START Task data

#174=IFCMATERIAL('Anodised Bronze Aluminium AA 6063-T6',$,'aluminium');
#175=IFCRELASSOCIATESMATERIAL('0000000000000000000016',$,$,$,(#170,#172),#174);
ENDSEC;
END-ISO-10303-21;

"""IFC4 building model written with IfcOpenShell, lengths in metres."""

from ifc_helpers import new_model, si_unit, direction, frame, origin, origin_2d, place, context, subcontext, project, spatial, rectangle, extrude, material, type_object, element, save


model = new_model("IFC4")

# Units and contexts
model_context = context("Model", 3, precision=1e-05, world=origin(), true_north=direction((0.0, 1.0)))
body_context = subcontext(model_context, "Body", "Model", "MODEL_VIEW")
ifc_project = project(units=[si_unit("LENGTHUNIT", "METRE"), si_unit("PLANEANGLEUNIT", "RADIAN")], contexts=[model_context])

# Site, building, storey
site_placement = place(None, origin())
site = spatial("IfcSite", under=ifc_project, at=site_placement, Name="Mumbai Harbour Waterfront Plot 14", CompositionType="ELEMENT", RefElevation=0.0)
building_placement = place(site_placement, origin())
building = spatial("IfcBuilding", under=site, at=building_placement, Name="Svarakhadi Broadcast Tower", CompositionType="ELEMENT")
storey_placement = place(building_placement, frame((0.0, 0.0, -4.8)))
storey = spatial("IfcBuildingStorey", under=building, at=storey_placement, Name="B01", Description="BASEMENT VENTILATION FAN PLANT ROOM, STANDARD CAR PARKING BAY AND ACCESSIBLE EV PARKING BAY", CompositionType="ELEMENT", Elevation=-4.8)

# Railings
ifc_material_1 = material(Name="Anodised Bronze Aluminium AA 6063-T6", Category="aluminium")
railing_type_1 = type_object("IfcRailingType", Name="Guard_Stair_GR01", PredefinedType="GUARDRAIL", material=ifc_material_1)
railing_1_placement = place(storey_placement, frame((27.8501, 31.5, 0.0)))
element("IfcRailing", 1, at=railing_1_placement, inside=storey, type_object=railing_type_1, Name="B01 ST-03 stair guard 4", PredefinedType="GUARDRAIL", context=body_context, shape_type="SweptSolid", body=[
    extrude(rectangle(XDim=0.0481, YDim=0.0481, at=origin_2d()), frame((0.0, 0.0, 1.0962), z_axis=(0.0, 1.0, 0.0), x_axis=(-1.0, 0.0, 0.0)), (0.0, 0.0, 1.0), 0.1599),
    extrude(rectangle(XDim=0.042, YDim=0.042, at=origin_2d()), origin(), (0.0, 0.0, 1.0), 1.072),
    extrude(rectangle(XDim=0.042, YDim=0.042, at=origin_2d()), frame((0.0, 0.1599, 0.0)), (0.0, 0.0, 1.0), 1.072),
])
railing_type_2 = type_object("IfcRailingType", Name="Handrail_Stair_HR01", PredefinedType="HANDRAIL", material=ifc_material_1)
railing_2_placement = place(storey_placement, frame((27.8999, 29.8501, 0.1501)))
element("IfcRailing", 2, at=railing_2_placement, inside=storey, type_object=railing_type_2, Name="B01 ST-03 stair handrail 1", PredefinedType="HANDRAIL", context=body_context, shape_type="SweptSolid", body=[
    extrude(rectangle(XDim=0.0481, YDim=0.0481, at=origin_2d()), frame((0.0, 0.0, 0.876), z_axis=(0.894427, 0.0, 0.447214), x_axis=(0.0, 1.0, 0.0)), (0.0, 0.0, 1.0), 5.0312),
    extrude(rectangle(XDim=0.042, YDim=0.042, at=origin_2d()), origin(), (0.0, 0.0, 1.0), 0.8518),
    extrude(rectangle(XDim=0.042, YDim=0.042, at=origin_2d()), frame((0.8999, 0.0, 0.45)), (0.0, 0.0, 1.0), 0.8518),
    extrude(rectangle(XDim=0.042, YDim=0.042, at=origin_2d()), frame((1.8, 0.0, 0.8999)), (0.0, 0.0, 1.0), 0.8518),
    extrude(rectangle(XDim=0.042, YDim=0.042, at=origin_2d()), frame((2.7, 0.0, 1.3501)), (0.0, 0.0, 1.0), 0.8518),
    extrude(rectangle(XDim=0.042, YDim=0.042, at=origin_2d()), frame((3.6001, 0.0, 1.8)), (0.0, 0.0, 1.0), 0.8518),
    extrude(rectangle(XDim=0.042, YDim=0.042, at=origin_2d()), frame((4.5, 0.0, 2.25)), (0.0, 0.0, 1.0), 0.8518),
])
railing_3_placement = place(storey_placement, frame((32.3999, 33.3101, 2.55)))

END Task data

* Assignment
Copy out, exactly and alone, the lines of the entries above between the ones holding "Harbour Waterfront Plot" and "building_placement = place(site_placement, origin())", inclusive.

* Exercise response
site = spatial("IfcSite", under=ifc_project, at=site_placement, Name="Mumbai Harbour Waterfront Plot 14", CompositionType="ELEMENT", RefElevation=0.0)
building_placement = place(site_placement, origin())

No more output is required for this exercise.